**DATA SHOWN:**
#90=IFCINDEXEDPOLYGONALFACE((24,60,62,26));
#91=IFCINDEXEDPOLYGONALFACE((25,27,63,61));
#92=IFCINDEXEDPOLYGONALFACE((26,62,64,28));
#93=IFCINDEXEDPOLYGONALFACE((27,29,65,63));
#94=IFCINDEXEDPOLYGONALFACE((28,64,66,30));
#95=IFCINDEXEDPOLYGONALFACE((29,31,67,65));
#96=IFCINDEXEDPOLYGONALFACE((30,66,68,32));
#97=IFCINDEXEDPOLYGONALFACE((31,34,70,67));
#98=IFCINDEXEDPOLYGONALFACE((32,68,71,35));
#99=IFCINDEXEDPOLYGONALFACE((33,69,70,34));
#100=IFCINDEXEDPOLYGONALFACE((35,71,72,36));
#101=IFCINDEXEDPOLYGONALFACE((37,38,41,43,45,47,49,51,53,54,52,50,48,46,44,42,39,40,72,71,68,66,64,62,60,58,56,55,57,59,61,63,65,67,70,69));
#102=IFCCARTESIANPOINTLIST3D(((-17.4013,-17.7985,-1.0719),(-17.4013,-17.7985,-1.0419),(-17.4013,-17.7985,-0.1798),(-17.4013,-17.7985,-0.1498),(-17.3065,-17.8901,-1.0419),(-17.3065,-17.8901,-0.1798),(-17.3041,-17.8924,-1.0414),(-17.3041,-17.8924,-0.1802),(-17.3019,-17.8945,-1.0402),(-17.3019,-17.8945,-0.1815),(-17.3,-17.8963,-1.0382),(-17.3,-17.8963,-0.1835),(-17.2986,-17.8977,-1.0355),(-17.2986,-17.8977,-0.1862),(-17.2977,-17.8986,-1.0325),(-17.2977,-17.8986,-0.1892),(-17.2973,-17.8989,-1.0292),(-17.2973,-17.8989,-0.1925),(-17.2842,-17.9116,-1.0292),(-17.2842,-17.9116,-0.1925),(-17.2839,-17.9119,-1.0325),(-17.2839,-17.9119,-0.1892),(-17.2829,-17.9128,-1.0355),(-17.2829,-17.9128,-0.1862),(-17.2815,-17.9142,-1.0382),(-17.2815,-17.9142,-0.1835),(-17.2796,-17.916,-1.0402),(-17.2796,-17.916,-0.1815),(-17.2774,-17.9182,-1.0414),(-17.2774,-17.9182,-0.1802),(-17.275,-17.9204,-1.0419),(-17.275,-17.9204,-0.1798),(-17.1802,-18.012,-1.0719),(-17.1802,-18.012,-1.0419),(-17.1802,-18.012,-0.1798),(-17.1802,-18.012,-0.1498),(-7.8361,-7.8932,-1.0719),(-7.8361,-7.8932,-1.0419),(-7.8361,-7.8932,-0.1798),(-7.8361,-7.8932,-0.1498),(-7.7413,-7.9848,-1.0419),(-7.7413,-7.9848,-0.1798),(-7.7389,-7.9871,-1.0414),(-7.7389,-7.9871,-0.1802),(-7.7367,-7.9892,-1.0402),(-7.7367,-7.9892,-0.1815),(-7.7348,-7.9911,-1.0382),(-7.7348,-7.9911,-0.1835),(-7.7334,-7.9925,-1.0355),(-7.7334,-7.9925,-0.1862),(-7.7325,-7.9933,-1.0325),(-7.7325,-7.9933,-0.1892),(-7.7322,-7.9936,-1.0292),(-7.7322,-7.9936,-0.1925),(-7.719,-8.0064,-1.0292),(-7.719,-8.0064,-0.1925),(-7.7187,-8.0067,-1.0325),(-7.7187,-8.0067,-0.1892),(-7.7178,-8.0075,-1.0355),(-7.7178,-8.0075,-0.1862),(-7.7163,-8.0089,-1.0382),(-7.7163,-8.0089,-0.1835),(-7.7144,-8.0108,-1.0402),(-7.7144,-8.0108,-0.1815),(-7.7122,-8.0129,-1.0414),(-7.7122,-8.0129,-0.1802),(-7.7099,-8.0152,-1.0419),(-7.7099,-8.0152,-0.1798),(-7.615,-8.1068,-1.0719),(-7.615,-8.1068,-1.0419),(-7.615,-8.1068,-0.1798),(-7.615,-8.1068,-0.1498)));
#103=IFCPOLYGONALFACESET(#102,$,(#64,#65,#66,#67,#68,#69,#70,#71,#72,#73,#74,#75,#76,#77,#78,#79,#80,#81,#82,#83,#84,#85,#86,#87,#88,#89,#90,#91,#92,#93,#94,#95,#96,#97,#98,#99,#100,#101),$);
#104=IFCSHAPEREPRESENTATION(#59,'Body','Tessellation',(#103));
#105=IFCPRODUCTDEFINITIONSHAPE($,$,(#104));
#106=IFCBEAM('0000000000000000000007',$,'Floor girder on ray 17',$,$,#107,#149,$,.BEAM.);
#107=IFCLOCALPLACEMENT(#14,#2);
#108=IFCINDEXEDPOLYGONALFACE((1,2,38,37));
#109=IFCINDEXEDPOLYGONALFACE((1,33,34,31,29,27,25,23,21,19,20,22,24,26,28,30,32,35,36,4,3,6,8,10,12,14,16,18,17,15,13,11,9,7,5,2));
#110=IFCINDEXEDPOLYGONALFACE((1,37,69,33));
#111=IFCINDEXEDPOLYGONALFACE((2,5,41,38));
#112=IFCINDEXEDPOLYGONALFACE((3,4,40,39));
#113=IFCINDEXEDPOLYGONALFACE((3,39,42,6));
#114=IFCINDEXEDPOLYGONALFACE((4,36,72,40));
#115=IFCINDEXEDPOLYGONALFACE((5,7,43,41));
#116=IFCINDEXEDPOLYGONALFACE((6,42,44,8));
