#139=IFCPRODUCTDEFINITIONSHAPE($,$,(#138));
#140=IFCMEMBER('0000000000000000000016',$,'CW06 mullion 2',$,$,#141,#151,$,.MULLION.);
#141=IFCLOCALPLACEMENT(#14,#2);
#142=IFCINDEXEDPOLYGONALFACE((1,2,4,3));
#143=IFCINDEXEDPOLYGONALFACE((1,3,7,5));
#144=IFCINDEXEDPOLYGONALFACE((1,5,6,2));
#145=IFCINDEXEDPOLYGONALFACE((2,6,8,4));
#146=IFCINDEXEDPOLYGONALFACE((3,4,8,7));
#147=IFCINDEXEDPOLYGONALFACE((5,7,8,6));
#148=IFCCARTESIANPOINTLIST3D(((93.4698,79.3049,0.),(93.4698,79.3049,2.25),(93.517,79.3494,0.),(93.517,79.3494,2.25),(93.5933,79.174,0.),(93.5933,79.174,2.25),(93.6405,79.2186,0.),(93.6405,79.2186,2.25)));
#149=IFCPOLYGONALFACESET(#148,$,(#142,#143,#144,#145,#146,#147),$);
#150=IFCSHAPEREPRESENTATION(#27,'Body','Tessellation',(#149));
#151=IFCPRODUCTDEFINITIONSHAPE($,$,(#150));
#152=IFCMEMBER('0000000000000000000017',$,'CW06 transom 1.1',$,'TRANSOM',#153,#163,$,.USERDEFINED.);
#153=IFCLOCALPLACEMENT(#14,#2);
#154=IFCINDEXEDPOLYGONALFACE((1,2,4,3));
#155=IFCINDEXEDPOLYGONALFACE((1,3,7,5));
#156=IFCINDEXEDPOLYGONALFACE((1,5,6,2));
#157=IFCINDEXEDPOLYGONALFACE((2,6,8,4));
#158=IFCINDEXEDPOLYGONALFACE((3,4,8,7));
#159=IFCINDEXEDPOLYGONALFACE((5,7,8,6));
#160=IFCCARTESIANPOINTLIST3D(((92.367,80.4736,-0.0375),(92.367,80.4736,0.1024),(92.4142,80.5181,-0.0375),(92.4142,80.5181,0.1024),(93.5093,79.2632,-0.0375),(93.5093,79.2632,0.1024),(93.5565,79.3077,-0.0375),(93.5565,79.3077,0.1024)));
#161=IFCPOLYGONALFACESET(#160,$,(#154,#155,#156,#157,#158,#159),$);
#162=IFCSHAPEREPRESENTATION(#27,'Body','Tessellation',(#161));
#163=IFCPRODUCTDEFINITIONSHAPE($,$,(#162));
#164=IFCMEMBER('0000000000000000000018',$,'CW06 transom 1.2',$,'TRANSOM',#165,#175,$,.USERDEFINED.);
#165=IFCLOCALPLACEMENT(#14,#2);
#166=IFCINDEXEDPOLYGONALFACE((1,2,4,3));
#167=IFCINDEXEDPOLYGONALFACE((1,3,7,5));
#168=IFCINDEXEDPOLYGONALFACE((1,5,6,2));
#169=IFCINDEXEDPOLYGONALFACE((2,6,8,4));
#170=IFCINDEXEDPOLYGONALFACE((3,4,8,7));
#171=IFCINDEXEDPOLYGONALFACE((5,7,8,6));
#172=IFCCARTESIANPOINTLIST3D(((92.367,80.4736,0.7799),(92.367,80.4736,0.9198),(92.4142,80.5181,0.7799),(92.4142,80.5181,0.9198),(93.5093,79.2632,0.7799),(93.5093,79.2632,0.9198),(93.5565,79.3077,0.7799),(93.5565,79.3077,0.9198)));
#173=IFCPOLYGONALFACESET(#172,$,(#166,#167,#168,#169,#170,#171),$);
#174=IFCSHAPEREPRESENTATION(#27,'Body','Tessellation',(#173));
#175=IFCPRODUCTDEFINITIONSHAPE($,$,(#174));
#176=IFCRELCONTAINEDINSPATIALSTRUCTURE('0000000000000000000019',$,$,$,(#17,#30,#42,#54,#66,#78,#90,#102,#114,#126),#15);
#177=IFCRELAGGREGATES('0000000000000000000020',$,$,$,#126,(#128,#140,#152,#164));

**WORK TO COMPLETE:** Give back, word for word, the lines from the one with "#175=IFCPRODUCTDEFINITIONSHAPE($,$,(#174));" through the last line of the entries, both included, and no other line.

**TASK RESPONSE:**
#175=IFCPRODUCTDEFINITIONSHAPE($,$,(#174));
#176=IFCRELCONTAINEDINSPATIALSTRUCTURE('0000000000000000000019',$,$,$,(#17,#30,#42,#54,#66,#78,#90,#102,#114,#126),#15);
#177=IFCRELAGGREGATES('0000000000000000000020',$,$,$,#126,(#128,#140,#152,#164));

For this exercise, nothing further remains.